Your goal
For the material below, the sole required output is the number of lines that include "IFCRELAGGREGATES".

Working data
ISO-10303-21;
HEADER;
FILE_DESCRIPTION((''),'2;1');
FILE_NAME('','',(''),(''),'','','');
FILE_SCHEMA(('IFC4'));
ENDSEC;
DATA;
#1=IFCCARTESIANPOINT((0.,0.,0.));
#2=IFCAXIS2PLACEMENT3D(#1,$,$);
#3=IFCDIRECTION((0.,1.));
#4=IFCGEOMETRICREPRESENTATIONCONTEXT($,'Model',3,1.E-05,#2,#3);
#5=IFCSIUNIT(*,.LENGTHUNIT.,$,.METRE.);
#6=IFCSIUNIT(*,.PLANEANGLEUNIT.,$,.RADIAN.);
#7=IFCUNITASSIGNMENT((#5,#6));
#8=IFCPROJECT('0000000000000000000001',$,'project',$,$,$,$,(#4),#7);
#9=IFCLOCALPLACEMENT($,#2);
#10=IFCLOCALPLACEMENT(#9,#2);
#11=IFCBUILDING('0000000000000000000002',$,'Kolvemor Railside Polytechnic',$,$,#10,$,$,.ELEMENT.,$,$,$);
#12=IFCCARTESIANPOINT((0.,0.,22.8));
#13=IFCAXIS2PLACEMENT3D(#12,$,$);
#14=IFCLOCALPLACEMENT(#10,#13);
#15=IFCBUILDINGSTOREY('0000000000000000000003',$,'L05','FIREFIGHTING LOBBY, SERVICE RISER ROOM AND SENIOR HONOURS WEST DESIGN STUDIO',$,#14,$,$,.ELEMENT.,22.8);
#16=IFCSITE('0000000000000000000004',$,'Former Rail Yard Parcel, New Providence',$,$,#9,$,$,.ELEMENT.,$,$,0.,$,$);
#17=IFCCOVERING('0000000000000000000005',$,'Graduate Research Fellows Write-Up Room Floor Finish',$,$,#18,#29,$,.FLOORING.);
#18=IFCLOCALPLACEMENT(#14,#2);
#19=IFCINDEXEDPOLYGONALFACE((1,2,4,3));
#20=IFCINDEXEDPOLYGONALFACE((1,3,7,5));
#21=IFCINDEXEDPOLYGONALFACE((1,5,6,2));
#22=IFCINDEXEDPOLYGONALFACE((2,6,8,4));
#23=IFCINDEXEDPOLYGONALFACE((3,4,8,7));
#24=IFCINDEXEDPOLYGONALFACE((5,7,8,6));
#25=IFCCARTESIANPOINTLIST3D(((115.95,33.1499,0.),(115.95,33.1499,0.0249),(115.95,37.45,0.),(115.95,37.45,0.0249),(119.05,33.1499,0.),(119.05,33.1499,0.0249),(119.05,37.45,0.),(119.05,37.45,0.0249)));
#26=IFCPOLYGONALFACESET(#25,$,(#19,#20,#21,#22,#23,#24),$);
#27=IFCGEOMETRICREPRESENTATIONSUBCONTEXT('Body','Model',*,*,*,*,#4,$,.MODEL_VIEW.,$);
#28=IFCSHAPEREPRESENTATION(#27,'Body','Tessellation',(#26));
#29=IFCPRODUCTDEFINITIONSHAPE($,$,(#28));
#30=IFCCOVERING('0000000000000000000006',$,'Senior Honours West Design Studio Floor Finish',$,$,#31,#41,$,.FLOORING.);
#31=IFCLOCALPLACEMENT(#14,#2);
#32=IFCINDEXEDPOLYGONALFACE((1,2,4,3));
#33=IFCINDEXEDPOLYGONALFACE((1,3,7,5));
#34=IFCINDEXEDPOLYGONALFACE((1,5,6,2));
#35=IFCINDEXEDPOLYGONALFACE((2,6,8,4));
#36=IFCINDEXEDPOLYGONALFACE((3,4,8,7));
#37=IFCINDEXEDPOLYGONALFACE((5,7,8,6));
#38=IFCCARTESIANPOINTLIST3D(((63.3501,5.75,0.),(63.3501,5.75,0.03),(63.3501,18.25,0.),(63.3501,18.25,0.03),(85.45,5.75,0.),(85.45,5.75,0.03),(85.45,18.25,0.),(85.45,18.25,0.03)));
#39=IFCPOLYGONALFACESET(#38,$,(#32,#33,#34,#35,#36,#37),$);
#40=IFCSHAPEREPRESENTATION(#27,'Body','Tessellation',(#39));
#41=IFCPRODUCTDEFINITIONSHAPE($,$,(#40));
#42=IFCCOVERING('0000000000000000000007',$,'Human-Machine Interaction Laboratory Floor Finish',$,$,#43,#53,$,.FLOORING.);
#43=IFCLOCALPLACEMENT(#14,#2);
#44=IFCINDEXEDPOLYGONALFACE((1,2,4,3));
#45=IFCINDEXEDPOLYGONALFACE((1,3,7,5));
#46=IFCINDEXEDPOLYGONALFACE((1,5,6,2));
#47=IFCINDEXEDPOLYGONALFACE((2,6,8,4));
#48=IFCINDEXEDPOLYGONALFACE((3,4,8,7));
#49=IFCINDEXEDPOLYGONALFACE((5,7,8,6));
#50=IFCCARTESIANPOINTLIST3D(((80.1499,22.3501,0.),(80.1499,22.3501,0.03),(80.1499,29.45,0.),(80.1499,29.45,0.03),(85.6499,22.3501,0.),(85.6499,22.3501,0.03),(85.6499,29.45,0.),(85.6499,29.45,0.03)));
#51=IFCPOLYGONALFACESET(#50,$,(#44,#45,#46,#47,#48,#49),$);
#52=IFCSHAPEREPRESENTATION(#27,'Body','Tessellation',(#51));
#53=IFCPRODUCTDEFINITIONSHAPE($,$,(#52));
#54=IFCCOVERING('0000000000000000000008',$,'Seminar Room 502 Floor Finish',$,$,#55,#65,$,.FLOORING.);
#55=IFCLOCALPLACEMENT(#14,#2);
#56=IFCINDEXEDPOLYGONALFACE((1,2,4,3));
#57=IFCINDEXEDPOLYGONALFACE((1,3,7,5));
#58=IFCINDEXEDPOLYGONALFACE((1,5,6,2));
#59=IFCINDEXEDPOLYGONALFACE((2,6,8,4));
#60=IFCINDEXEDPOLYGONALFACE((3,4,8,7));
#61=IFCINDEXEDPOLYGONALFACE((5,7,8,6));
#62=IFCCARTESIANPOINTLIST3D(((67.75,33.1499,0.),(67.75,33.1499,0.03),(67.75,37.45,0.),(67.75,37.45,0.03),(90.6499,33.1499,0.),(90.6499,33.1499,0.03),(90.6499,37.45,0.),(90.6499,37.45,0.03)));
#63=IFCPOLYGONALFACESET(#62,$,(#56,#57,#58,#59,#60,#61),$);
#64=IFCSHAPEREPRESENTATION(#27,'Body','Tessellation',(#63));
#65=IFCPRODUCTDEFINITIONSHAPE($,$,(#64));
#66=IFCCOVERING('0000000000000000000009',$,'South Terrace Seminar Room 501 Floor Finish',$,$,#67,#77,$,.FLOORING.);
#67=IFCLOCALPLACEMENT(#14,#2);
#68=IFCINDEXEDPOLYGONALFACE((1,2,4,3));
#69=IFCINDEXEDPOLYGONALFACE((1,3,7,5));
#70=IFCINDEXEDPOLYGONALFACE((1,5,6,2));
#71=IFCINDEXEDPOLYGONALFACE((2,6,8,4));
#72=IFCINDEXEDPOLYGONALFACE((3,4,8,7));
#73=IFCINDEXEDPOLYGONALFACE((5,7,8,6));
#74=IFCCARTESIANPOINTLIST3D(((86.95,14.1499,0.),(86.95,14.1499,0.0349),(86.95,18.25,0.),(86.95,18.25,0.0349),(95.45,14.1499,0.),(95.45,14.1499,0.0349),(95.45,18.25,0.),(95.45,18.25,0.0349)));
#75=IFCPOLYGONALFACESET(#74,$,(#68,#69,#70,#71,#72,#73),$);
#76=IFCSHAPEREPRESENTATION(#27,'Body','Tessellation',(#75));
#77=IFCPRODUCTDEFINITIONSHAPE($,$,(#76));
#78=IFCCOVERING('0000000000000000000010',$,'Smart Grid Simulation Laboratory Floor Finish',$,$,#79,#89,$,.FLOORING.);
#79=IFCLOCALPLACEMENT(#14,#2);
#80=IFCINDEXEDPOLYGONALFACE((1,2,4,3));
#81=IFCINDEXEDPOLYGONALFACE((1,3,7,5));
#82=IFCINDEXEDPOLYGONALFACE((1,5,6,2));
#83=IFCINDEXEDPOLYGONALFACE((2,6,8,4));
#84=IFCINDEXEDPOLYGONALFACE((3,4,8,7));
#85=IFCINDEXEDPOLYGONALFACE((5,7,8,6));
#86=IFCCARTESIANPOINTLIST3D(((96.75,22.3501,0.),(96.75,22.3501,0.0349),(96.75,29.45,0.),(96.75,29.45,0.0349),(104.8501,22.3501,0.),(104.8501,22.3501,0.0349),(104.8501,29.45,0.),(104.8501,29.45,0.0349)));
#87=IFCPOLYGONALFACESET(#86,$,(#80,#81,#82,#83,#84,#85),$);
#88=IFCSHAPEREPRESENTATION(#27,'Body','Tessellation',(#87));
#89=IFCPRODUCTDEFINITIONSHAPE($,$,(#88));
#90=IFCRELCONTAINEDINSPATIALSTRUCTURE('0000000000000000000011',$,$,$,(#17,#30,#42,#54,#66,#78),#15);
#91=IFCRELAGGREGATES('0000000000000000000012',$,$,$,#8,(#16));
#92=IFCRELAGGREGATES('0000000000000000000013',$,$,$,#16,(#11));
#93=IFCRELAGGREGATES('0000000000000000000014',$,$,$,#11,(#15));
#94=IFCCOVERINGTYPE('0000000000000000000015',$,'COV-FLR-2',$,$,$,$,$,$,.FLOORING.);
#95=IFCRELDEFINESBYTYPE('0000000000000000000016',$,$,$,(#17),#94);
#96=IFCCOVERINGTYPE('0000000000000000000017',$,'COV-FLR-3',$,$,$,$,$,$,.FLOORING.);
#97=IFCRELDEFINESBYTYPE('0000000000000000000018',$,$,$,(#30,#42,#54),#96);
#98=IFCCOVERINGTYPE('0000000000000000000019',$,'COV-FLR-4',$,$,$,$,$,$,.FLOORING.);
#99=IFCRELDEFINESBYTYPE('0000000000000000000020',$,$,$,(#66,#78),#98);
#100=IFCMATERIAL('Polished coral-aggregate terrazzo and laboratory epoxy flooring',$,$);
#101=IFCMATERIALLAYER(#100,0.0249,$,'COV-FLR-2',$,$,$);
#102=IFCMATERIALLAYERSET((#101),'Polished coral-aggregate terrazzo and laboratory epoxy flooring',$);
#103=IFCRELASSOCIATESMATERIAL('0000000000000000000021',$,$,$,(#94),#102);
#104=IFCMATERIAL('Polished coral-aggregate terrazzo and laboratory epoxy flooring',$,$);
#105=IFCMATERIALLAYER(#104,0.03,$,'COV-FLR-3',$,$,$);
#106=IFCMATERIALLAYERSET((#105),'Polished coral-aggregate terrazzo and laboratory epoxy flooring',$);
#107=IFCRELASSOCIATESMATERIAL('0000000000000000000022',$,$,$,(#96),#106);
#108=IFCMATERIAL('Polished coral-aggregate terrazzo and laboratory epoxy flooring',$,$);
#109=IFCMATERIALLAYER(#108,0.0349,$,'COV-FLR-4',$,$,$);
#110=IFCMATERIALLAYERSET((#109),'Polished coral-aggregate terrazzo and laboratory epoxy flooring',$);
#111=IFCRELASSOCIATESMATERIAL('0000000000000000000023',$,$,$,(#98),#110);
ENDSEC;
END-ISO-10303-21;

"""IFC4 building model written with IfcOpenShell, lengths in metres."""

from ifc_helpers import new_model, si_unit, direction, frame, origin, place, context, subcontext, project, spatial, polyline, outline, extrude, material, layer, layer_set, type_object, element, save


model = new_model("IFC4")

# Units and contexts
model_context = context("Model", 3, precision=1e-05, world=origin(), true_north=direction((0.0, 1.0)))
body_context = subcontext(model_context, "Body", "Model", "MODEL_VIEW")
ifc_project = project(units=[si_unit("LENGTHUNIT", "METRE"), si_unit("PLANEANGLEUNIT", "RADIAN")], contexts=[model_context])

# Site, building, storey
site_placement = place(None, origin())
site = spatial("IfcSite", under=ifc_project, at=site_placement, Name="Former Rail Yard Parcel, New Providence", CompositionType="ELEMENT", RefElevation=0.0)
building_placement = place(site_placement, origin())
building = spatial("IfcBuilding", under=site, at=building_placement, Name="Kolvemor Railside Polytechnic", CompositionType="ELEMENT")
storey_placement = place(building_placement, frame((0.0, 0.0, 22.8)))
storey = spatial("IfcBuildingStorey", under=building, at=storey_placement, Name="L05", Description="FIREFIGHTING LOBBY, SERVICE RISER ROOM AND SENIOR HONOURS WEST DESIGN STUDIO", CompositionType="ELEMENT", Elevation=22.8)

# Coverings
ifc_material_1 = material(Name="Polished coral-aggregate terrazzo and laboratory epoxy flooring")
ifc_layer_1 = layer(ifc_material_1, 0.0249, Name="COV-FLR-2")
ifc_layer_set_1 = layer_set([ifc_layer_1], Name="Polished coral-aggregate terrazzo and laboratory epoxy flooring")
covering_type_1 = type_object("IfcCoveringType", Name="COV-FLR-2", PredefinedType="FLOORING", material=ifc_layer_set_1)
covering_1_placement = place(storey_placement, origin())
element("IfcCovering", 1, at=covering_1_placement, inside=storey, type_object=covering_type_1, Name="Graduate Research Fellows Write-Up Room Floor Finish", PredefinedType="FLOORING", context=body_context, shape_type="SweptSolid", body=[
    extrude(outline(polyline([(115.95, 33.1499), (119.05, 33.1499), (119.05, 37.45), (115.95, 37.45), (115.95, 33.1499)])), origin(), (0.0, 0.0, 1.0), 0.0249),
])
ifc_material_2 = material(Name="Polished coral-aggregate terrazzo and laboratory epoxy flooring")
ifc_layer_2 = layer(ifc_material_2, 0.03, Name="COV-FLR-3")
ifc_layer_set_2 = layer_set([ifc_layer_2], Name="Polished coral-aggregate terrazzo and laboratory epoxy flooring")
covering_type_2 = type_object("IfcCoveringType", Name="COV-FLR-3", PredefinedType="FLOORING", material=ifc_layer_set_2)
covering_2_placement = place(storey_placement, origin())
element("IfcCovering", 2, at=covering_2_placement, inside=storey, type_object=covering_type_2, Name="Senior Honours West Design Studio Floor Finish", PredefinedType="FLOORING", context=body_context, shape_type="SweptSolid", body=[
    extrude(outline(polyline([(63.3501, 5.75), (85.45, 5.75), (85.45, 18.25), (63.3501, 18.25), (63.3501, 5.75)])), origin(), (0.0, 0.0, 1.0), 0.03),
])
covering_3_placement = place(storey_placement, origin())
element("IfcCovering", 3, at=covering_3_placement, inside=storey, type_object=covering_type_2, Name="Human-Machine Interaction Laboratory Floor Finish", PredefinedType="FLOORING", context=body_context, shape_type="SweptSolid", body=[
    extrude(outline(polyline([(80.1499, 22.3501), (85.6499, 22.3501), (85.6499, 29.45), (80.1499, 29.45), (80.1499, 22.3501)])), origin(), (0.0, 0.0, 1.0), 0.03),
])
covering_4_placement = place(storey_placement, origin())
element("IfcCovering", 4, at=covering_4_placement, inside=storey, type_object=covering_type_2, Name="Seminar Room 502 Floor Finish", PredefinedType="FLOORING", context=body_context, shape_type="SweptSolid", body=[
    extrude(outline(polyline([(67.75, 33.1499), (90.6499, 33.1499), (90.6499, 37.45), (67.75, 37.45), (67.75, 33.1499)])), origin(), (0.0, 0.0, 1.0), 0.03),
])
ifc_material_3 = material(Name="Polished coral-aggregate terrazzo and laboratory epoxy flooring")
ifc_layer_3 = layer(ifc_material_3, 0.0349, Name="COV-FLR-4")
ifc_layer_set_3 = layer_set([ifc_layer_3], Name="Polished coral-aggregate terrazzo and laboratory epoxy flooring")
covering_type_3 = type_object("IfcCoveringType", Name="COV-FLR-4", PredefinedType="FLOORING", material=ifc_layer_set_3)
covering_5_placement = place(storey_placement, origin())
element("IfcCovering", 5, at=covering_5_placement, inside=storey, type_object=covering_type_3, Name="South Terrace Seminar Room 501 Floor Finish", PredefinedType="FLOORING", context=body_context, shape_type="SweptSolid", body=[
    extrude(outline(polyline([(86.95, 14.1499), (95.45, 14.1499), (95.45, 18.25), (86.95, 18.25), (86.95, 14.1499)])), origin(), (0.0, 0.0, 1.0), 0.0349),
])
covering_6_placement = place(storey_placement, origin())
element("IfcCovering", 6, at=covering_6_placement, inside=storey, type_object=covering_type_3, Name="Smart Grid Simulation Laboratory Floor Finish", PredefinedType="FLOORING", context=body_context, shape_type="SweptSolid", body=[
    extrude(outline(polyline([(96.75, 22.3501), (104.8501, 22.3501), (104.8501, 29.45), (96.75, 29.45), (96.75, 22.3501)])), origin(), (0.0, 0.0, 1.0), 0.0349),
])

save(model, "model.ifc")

Answer
3